Task —
In the entries that follow, copy exactly each line from the first through the line with "#155=IFCINDEXEDPOLYGONALFACE((9,10,12,11));".

Extracted material —
════════════════
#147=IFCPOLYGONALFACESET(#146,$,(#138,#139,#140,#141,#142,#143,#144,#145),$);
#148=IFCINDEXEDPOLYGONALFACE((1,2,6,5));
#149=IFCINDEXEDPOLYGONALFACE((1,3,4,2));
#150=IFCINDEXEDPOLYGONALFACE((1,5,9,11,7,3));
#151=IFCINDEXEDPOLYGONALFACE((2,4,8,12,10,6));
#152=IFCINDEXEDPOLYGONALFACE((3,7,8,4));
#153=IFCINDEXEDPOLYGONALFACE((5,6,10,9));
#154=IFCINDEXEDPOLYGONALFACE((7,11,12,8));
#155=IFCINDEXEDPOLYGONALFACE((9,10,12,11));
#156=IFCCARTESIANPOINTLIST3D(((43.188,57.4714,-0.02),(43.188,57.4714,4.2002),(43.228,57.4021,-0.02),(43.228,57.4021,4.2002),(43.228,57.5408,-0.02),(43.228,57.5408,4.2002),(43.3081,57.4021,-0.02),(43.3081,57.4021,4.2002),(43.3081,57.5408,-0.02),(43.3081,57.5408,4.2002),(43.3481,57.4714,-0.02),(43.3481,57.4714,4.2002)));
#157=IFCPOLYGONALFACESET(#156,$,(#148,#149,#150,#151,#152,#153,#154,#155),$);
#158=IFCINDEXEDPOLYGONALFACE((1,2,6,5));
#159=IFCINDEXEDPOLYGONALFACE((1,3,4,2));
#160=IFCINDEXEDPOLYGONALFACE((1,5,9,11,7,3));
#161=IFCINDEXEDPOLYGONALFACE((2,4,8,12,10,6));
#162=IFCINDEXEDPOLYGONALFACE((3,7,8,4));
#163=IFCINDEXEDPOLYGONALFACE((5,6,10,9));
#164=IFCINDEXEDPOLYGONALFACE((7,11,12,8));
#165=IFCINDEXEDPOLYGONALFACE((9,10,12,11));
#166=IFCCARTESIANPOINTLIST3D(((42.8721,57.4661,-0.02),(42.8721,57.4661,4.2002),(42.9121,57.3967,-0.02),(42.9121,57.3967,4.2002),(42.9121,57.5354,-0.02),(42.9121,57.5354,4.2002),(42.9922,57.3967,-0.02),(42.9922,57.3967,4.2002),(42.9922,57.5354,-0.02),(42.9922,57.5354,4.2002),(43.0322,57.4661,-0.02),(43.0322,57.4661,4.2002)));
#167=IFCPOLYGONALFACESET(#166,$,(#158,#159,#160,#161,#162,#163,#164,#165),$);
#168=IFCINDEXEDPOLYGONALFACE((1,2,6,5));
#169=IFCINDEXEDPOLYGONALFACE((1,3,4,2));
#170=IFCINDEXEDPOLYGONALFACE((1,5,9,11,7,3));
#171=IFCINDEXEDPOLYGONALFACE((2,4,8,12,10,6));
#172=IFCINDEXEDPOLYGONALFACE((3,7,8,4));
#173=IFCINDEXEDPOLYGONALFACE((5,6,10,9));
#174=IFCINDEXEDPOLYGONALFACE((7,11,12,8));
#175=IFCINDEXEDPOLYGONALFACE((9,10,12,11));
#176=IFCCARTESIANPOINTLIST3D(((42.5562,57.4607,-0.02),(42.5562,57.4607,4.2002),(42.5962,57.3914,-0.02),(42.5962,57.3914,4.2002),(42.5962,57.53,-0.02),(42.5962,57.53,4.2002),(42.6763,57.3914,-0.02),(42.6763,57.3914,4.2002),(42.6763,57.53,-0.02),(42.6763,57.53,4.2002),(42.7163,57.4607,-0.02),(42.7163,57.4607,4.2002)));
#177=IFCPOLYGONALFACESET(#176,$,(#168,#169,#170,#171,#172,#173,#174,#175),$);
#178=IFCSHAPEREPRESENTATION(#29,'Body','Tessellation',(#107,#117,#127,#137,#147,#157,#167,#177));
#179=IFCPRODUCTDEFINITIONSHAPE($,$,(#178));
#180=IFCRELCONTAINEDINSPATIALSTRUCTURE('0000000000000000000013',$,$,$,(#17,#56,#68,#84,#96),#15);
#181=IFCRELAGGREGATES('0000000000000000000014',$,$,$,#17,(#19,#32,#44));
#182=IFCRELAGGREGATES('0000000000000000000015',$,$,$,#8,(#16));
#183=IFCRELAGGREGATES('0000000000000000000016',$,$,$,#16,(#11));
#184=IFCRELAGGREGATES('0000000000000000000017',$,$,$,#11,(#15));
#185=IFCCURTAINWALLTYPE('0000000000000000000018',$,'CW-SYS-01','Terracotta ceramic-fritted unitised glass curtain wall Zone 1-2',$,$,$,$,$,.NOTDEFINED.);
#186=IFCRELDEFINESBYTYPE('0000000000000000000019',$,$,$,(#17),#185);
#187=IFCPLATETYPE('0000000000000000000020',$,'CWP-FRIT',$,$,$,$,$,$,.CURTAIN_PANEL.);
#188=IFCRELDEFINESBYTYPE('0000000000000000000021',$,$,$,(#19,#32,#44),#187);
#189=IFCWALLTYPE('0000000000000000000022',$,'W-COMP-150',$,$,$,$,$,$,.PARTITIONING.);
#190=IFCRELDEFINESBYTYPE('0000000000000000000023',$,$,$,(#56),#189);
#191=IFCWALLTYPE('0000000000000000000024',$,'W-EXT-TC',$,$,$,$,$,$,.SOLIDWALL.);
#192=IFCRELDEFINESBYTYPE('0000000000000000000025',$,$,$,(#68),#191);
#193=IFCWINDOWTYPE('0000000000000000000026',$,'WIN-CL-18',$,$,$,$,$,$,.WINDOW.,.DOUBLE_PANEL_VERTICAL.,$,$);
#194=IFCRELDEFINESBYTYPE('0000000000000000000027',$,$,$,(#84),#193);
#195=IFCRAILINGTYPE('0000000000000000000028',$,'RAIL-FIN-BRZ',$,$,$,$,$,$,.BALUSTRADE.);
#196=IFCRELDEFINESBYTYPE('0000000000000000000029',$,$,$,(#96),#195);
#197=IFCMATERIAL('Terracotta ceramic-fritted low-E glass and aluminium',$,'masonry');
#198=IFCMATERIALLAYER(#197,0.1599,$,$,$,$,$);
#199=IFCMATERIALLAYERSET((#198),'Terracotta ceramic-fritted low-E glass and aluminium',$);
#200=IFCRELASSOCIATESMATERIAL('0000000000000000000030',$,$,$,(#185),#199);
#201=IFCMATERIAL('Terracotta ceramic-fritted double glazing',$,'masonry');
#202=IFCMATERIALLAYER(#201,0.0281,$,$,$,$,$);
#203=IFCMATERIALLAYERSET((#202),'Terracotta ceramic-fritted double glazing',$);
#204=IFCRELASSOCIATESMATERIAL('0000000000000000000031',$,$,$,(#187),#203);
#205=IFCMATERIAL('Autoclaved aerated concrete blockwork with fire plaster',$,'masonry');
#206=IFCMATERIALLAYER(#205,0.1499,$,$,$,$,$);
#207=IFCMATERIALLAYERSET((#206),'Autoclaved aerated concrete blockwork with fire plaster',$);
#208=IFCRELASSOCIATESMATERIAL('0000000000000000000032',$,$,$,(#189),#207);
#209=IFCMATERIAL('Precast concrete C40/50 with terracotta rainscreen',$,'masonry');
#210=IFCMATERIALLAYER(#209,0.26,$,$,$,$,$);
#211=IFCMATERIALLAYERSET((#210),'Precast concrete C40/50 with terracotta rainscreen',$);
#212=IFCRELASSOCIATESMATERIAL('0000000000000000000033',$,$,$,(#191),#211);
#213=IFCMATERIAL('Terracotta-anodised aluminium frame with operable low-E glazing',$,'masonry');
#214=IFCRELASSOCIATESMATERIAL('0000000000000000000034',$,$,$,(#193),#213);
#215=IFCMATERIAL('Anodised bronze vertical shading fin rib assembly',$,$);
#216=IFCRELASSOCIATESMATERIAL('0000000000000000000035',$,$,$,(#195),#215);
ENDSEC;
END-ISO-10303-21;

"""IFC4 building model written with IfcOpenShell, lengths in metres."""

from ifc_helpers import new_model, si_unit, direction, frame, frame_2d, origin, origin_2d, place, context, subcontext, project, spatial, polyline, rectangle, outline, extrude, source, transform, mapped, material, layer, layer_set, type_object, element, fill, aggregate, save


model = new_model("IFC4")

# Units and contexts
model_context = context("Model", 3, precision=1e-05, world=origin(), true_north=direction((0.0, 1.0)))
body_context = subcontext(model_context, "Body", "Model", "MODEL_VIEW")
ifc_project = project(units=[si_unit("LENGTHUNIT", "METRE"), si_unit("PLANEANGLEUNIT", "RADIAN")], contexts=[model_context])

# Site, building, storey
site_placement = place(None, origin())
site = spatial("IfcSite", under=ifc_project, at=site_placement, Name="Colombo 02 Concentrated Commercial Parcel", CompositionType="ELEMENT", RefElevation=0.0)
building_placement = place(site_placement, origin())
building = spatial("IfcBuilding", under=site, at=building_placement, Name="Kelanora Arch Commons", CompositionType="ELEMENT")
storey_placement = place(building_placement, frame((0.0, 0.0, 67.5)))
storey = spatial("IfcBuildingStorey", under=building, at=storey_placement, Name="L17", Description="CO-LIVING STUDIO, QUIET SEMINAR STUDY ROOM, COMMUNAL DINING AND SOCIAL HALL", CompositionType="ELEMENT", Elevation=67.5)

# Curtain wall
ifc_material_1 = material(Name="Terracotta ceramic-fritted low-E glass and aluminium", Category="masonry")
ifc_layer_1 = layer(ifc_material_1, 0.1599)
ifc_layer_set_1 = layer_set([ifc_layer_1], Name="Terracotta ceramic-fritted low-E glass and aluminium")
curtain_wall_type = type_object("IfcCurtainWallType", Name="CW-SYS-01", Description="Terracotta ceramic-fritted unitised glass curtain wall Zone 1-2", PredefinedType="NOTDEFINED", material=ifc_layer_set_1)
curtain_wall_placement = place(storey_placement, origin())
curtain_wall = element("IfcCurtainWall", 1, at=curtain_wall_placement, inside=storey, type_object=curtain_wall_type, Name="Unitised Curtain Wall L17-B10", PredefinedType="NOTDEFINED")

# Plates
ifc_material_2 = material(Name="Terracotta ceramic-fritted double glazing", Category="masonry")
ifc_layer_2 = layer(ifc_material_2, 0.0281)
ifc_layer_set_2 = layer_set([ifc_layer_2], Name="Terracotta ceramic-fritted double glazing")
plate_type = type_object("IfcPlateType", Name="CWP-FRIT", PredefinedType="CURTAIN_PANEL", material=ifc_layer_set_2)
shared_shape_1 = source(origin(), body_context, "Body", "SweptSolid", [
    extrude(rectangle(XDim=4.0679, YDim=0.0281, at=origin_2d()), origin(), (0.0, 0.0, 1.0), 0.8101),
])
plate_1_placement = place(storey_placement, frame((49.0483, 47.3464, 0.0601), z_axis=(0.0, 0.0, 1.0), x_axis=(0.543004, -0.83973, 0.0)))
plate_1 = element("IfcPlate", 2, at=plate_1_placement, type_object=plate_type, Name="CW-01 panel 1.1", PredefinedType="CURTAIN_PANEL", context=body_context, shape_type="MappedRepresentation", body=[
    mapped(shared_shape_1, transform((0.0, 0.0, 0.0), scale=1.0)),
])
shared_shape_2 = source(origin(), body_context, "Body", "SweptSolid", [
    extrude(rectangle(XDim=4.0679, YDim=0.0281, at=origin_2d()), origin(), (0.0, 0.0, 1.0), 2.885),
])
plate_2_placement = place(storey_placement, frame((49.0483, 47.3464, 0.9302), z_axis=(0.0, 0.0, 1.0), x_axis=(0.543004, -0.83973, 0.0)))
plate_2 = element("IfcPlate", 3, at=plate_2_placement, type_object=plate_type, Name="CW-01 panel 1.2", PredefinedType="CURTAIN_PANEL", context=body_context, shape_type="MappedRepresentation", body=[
════════════════
Exercise output —
#147=IFCPOLYGONALFACESET(#146,$,(#138,#139,#140,#141,#142,#143,#144,#145),$);
#148=IFCINDEXEDPOLYGONALFACE((1,2,6,5));
#149=IFCINDEXEDPOLYGONALFACE((1,3,4,2));
#150=IFCINDEXEDPOLYGONALFACE((1,5,9,11,7,3));
#151=IFCINDEXEDPOLYGONALFACE((2,4,8,12,10,6));
#152=IFCINDEXEDPOLYGONALFACE((3,7,8,4));
#153=IFCINDEXEDPOLYGONALFACE((5,6,10,9));
#154=IFCINDEXEDPOLYGONALFACE((7,11,12,8));
#155=IFCINDEXEDPOLYGONALFACE((9,10,12,11));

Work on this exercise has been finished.